TASK INSTRUCTIONS: Exact reproduction required: the lines below from the line with "#79=IFCLOCALPLACEMENT(#14,#2);" to the line with "#87=IFCPOLYGONALFACESET(#86,$,(#80,#81,#82,#83,#84,#85),$);", both ends included, and no others.

INPUT MATERIAL:
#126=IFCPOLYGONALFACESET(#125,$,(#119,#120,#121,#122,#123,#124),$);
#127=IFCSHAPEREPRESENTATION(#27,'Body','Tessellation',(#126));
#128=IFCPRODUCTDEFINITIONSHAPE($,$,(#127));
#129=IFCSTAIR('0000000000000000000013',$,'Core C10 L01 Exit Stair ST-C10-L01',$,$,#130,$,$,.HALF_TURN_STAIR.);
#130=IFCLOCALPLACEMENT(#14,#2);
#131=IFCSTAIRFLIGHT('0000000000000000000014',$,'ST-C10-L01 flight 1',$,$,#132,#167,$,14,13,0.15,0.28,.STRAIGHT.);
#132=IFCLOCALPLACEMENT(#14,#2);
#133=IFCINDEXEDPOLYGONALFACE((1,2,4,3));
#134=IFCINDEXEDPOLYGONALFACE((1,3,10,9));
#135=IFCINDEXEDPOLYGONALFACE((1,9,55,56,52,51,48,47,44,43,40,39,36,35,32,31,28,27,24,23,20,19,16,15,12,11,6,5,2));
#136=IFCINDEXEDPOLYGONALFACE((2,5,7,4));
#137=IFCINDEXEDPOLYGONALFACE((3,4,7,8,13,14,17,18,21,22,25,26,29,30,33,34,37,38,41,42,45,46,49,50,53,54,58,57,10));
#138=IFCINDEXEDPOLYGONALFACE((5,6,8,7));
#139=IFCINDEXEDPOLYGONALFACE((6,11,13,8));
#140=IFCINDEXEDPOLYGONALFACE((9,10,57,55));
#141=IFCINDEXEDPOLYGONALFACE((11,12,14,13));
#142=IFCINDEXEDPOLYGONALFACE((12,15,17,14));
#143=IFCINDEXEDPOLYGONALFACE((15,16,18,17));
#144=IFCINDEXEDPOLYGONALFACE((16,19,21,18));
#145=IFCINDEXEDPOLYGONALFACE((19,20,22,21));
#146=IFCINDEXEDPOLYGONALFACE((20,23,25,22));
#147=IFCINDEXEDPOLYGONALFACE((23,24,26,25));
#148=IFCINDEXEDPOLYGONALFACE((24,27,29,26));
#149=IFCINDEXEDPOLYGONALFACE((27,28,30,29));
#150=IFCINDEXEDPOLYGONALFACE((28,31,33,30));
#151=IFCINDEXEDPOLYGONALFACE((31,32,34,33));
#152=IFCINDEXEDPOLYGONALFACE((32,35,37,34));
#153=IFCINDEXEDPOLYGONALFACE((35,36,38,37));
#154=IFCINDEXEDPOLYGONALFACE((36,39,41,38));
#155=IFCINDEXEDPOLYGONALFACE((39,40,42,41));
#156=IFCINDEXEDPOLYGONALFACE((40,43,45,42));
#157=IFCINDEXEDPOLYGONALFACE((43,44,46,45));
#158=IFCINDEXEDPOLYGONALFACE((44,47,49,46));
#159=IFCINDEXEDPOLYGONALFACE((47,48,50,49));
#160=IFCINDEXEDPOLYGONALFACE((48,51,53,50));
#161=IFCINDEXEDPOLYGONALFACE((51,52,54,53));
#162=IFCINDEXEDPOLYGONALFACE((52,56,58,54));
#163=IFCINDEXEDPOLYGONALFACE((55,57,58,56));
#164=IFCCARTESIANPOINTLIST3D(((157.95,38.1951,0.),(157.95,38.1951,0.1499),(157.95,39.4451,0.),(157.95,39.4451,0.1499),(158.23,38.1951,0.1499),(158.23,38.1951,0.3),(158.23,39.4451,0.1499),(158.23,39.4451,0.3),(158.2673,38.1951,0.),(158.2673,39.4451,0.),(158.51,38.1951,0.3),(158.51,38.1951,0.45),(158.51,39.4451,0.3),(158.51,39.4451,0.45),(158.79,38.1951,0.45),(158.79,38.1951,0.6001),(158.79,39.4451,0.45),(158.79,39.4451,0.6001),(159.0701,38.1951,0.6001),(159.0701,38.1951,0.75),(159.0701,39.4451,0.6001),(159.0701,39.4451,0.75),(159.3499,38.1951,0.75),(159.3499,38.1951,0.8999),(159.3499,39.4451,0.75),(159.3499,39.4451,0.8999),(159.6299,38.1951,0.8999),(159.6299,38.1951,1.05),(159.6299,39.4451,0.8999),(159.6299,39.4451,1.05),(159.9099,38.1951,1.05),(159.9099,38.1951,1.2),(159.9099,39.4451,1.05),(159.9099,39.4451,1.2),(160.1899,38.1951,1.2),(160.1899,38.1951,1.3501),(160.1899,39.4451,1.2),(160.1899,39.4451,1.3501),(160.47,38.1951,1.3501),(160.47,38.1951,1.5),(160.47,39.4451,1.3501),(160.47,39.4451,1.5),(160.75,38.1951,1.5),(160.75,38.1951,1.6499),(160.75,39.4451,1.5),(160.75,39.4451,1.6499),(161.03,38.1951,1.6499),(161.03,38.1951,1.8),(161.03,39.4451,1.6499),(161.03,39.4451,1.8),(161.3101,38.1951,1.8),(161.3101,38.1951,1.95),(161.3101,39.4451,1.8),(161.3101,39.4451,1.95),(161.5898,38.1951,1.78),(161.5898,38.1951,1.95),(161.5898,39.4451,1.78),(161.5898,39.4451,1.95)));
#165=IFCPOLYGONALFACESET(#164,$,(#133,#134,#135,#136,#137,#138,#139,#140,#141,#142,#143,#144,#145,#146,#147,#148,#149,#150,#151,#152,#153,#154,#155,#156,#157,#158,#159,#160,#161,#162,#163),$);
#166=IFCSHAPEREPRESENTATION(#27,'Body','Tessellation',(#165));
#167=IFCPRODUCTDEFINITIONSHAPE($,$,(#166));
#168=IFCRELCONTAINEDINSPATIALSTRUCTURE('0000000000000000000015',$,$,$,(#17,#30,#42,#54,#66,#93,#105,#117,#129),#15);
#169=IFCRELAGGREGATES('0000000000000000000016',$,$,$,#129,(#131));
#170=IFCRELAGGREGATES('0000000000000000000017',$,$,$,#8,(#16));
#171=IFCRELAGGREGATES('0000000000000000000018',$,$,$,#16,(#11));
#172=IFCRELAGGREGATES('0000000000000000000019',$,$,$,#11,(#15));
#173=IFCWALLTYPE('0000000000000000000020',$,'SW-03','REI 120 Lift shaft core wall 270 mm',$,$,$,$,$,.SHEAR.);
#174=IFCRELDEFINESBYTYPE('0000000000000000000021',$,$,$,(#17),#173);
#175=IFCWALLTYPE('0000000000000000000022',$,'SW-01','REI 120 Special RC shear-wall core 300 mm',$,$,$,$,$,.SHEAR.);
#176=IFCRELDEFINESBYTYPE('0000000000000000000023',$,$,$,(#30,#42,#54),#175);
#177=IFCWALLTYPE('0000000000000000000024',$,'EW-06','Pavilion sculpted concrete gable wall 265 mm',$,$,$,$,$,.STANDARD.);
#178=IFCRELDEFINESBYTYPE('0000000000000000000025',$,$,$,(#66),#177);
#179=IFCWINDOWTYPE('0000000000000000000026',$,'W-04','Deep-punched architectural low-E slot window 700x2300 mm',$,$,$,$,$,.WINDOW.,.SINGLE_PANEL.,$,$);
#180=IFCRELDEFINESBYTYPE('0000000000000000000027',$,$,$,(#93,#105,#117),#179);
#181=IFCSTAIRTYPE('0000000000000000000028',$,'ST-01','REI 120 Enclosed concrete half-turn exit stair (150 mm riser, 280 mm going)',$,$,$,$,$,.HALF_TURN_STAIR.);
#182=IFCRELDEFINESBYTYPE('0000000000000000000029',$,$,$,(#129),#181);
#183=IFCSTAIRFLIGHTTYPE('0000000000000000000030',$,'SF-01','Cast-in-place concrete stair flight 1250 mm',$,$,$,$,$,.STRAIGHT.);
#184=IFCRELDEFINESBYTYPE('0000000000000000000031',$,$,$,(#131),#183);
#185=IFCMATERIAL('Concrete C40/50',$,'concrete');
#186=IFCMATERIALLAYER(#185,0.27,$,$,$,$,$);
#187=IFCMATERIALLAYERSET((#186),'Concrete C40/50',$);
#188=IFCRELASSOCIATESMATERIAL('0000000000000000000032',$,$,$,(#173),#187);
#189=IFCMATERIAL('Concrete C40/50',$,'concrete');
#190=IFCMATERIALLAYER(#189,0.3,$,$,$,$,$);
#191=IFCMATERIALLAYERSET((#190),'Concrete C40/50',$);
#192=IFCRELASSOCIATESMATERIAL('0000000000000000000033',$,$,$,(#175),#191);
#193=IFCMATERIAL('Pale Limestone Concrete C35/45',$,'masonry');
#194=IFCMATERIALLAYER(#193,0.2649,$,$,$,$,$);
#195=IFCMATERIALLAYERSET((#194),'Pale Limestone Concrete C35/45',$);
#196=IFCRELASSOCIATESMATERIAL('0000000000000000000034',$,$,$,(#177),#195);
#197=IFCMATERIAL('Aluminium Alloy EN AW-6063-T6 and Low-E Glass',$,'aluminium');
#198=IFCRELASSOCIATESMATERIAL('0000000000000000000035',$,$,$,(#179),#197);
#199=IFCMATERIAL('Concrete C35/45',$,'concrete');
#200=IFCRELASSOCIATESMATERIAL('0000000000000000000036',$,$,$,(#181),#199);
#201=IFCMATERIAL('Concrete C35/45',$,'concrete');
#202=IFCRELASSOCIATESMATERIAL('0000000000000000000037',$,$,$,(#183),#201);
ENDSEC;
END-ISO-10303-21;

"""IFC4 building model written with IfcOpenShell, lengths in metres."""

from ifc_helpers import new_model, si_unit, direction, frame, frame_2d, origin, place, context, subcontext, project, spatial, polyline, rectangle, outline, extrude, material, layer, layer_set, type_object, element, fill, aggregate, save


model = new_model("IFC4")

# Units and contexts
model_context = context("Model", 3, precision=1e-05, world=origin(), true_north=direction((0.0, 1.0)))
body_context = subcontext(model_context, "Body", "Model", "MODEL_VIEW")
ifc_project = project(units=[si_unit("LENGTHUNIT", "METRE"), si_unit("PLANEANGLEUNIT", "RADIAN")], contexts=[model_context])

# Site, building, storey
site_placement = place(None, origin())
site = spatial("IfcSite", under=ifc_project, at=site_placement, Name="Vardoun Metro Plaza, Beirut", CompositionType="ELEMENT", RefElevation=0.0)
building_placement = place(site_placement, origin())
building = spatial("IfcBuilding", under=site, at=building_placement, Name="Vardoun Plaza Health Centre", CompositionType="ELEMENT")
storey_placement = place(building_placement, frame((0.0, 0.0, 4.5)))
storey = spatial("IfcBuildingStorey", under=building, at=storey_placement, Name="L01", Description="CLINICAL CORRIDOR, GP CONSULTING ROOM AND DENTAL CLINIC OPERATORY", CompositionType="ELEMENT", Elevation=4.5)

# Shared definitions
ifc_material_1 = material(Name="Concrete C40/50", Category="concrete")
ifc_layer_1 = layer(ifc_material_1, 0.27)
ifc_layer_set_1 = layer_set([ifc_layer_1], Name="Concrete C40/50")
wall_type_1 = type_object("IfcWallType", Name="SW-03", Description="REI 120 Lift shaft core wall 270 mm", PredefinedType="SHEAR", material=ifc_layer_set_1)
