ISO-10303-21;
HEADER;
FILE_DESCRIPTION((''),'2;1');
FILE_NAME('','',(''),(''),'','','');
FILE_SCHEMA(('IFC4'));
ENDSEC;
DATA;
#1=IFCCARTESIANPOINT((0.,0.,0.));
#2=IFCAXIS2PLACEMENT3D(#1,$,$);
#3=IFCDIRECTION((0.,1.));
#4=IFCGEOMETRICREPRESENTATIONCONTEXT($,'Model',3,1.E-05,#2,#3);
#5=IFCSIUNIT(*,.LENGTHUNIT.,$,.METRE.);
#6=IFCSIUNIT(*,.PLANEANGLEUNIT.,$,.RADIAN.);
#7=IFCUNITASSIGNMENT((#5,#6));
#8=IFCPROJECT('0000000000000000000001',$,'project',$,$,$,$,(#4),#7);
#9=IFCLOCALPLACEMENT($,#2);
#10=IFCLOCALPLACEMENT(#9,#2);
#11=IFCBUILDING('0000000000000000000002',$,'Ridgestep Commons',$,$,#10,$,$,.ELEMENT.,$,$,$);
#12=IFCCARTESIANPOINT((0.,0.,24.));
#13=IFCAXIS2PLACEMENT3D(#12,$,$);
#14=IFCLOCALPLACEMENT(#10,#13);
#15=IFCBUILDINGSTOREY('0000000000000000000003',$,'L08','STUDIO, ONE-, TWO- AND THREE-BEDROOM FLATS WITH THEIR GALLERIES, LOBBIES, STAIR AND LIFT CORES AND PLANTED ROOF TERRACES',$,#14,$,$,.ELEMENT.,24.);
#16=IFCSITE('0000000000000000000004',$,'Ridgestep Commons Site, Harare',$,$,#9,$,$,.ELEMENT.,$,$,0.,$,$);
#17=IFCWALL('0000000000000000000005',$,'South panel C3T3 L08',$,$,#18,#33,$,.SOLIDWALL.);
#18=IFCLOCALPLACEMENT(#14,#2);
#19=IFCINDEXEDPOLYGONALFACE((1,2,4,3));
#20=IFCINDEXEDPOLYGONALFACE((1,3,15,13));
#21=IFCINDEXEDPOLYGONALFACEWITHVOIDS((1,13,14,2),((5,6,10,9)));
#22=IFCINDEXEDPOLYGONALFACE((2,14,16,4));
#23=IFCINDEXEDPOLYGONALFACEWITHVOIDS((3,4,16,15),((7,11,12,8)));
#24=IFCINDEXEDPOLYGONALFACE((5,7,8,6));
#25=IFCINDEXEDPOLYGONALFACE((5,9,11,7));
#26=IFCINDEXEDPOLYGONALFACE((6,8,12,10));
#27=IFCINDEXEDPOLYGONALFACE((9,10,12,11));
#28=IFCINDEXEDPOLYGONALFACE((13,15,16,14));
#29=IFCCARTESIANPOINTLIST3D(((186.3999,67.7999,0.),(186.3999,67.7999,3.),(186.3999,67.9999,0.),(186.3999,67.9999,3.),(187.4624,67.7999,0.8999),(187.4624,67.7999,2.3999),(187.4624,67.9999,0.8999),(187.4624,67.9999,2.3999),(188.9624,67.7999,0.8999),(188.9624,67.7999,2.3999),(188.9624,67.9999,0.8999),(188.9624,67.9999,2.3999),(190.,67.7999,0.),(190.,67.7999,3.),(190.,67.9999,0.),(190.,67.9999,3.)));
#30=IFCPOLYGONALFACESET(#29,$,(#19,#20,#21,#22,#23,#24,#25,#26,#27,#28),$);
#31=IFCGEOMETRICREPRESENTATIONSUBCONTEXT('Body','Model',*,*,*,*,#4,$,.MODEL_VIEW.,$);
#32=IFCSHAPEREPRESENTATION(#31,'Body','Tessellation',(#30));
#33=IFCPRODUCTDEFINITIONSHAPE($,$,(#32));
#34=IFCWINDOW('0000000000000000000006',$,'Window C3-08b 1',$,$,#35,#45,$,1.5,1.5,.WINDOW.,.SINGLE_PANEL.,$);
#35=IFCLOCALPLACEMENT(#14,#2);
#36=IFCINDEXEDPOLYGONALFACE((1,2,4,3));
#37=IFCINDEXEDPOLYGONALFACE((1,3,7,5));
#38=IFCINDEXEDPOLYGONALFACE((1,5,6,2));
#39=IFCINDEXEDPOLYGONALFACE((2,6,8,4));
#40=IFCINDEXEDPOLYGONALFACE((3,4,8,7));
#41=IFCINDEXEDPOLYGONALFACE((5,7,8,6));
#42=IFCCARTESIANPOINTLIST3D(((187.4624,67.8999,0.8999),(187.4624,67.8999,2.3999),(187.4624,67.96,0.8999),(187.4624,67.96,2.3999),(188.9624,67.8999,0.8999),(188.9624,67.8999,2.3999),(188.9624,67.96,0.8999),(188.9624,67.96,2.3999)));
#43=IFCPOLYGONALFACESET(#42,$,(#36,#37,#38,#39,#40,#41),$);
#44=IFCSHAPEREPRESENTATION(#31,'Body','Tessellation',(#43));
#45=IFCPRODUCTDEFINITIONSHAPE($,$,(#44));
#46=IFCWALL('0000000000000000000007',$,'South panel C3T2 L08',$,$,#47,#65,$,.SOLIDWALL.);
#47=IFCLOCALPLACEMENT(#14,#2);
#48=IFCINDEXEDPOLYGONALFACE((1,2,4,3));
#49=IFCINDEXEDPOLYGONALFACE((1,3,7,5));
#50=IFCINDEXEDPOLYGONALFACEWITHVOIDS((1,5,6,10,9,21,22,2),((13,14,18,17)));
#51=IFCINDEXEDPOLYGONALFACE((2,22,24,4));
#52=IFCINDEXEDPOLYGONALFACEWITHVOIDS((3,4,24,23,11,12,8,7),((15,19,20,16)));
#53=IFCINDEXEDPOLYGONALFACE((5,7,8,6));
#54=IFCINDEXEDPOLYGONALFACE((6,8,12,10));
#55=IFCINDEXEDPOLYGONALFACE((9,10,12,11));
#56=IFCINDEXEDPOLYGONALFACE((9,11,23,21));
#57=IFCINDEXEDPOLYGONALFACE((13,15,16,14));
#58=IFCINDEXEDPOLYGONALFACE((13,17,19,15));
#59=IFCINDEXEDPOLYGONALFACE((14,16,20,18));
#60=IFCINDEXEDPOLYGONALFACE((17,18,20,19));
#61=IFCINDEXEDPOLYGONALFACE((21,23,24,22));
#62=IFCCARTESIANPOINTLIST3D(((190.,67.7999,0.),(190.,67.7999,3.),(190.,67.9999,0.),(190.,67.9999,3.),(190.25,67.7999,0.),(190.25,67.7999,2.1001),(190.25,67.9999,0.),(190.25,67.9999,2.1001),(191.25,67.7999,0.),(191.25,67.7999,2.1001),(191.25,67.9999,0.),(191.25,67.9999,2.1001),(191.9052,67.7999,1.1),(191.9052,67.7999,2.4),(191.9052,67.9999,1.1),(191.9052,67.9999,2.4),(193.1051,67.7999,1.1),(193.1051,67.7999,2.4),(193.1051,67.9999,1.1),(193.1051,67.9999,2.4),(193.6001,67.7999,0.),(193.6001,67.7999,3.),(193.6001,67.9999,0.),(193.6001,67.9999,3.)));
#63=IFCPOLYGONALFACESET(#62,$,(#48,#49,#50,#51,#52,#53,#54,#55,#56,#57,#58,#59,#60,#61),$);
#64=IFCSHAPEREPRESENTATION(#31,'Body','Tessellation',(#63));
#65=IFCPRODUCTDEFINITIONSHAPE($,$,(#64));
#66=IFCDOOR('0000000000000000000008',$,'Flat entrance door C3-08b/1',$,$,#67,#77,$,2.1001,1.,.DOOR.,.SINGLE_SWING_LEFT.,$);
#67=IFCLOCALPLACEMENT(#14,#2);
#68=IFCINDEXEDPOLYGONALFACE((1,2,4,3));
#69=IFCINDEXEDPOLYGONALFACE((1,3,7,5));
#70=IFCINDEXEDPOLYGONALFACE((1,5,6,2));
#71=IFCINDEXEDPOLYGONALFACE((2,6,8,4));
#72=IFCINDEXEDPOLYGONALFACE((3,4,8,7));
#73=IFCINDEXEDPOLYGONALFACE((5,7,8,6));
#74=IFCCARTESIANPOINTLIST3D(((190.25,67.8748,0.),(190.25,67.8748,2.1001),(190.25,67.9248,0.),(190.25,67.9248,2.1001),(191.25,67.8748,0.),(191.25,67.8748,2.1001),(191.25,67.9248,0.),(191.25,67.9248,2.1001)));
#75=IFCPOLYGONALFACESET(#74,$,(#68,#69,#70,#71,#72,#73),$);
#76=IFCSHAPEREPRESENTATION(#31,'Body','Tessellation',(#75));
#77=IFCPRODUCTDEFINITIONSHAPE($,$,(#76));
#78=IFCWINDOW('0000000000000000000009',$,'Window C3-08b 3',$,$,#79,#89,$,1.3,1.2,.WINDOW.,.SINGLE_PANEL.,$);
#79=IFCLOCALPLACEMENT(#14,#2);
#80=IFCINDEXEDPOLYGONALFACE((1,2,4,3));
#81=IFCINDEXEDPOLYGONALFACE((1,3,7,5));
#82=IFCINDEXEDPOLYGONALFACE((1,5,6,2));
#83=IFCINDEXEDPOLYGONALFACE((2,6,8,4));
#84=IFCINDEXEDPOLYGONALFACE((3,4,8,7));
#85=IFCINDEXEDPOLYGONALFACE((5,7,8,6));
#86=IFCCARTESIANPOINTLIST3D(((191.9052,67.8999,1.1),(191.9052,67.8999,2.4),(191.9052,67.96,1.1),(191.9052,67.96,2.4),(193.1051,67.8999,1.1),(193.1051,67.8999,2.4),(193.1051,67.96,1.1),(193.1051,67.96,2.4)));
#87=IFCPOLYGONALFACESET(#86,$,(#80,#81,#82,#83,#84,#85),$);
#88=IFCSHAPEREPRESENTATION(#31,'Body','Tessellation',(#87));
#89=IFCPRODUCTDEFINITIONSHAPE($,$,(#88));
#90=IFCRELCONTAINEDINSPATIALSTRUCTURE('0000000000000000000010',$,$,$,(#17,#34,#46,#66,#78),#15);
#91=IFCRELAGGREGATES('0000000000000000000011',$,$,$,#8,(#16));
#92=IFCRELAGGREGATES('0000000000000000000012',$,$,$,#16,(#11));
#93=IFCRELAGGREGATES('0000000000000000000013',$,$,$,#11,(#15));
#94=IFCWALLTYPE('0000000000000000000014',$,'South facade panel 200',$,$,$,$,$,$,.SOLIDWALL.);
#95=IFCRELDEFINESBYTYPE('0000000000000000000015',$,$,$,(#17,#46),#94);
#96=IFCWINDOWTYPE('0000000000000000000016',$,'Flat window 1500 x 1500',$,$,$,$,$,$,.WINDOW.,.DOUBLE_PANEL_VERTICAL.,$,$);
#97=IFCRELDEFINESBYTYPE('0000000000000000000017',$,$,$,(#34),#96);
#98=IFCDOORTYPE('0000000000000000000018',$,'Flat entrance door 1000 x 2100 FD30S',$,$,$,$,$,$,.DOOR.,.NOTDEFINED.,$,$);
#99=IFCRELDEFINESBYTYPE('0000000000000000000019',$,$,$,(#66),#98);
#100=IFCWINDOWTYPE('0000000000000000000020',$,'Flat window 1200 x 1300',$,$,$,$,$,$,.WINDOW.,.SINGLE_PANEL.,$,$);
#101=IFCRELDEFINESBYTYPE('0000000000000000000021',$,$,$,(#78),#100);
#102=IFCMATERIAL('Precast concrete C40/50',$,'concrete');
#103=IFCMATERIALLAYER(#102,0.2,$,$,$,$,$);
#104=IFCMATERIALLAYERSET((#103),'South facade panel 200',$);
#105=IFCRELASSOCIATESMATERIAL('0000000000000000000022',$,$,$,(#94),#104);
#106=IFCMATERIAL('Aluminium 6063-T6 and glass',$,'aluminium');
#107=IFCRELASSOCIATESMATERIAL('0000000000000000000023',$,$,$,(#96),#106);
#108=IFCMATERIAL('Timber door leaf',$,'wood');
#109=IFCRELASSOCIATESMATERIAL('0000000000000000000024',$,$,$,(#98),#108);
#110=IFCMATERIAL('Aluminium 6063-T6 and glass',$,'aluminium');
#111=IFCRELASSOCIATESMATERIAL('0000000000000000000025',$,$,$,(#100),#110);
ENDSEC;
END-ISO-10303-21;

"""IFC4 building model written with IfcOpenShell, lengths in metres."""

from ifc_helpers import new_model, si_unit, direction, frame, frame_2d, origin, place, context, subcontext, project, spatial, rectangle, extrude, material, layer, layer_set, type_object, element, fill, save


model = new_model("IFC4")

# Units and contexts
model_context = context("Model", 3, precision=1e-05, world=origin(), true_north=direction((0.0, 1.0)))
body_context = subcontext(model_context, "Body", "Model", "MODEL_VIEW")
ifc_project = project(units=[si_unit("LENGTHUNIT", "METRE"), si_unit("PLANEANGLEUNIT", "RADIAN")], contexts=[model_context])

# Site, building, storey
site_placement = place(None, origin())
site = spatial("IfcSite", under=ifc_project, at=site_placement, Name="Ridgestep Commons Site, Harare", CompositionType="ELEMENT", RefElevation=0.0)
building_placement = place(site_placement, origin())
building = spatial("IfcBuilding", under=site, at=building_placement, Name="Ridgestep Commons", CompositionType="ELEMENT")
storey_placement = place(building_placement, frame((0.0, 0.0, 24.0)))
storey = spatial("IfcBuildingStorey", under=building, at=storey_placement, Name="L08", Description="STUDIO, ONE-, TWO- AND THREE-BEDROOM FLATS WITH THEIR GALLERIES, LOBBIES, STAIR AND LIFT CORES AND PLANTED ROOF TERRACES", CompositionType="ELEMENT", Elevation=24.0)

# Wall, opening, window
ifc_material_1 = material(Name="Precast concrete C40/50", Category="concrete")
ifc_layer_1 = layer(ifc_material_1, 0.2)
ifc_layer_set_1 = layer_set([ifc_layer_1], Name="South facade panel 200")
wall_type_1 = type_object("IfcWallType", Name="South facade panel 200", PredefinedType="SOLIDWALL", material=ifc_layer_set_1)
wall_1_placement = place(storey_placement, frame((186.3999, 67.8999, 0.0), z_axis=(0.0, 0.0, 1.0), x_axis=(1.0, 0.0, 0.0)))
wall_1 = element("IfcWall", 1, at=wall_1_placement, inside=storey, type_object=wall_type_1, Name="South panel C3T3 L08", PredefinedType="SOLIDWALL", context=body_context, shape_type="SweptSolid", body=[
    extrude(rectangle(XDim=3.6001, YDim=0.2, at=frame_2d((1.8, 0.0))), origin(), (0.0, 0.0, 1.0), 3.0),
])
opening_1_placement = place(wall_1_placement, frame((1.0625, 0.0, 0.8999)))
opening_1 = element("IfcOpeningElement", 2, at=opening_1_placement, cuts=wall_1, PredefinedType="OPENING", context=body_context, shape_type="SweptSolid", body=[
    extrude(rectangle(XDim=1.5, YDim=1.5, at=frame_2d((0.75, 0.75))), frame((0.0, 0.1099, 0.0), z_axis=(0.0, -1.0, 0.0), x_axis=(1.0, 0.0, 0.0)), (0.0, 0.0, 1.0), 0.22),
])
ifc_material_2 = material(Name="Aluminium 6063-T6 and glass", Category="aluminium")
window_type_1 = type_object("IfcWindowType", Name="Flat window 1500 x 1500", PartitioningType="DOUBLE_PANEL_VERTICAL", PredefinedType="WINDOW", material=ifc_material_2)
window_1_placement = place(opening_1_placement, origin())
window_1 = element("IfcWindow", 3, at=window_1_placement, inside=storey, type_object=window_type_1, Name="Window C3-08b 1", OverallHeight=1.5, OverallWidth=1.5, PartitioningType="SINGLE_PANEL", PredefinedType="WINDOW", context=body_context, shape_type="SweptSolid", body=[
    extrude(rectangle(XDim=1.5, YDim=1.5, at=frame_2d((0.75, 0.75))), frame((0.0, 0.0601, 0.0), z_axis=(0.0, -1.0, 0.0), x_axis=(1.0, 0.0, 0.0)), (0.0, 0.0, 1.0), 0.0601),
])
fill(opening_1, window_1)

# Wall, openings, door, window
wall_2_placement = place(storey_placement, frame((190.0, 67.8999, 0.0), z_axis=(0.0, 0.0, 1.0), x_axis=(1.0, 0.0, 0.0)))
wall_2 = element("IfcWall", 4, at=wall_2_placement, inside=storey, type_object=wall_type_1, Name="South panel C3T2 L08", PredefinedType="SOLIDWALL", context=body_context, shape_type="SweptSolid", body=[
    extrude(rectangle(XDim=3.6001, YDim=0.2, at=frame_2d((1.8, 0.0))), origin(), (0.0, 0.0, 1.0), 3.0),
])
opening_2_placement = place(wall_2_placement, frame((1.905, 0.0, 1.1001)))
opening_2 = element("IfcOpeningElement", 5, at=opening_2_placement, cuts=wall_2, PredefinedType="OPENING", context=body_context, shape_type="SweptSolid", body=[
    extrude(rectangle(XDim=1.2, YDim=1.3, at=frame_2d((0.6001, 0.6499))), frame((0.0, 0.1099, 0.0), z_axis=(0.0, -1.0, 0.0), x_axis=(1.0, 0.0, 0.0)), (0.0, 0.0, 1.0), 0.22),
])
opening_3_placement = place(wall_2_placement, frame((0.25, 0.0, 0.0)))
opening_3 = element("IfcOpeningElement", 6, at=opening_3_placement, cuts=wall_2, PredefinedType="OPENING", context=body_context, shape_type="SweptSolid", body=[
    extrude(rectangle(XDim=1.0, YDim=2.1001, at=frame_2d((0.5, 1.05))), frame((0.0, 0.1099, 0.0), z_axis=(0.0, -1.0, 0.0), x_axis=(1.0, 0.0, 0.0)), (0.0, 0.0, 1.0), 0.22),
])
ifc_material_3 = material(Name="Timber door leaf", Category="wood")
door_type_1 = type_object("IfcDoorType", Name="Flat entrance door 1000 x 2100 FD30S", OperationType="NOTDEFINED", PredefinedType="DOOR", material=ifc_material_3)
door_1_placement = place(opening_3_placement, origin())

RESPONSE TO THIS EXERCISE:
#79=IFCLOCALPLACEMENT(#14,#2);
#80=IFCINDEXEDPOLYGONALFACE((1,2,4,3));
#81=IFCINDEXEDPOLYGONALFACE((1,3,7,5));
#82=IFCINDEXEDPOLYGONALFACE((1,5,6,2));
#83=IFCINDEXEDPOLYGONALFACE((2,6,8,4));
#84=IFCINDEXEDPOLYGONALFACE((3,4,8,7));
#85=IFCINDEXEDPOLYGONALFACE((5,7,8,6));
#86=IFCCARTESIANPOINTLIST3D(((191.9052,67.8999,1.1),(191.9052,67.8999,2.4),(191.9052,67.96,1.1),(191.9052,67.96,2.4),(193.1051,67.8999,1.1),(193.1051,67.8999,2.4),(193.1051,67.96,1.1),(193.1051,67.96,2.4)));
#87=IFCPOLYGONALFACESET(#86,$,(#80,#81,#82,#83,#84,#85),$);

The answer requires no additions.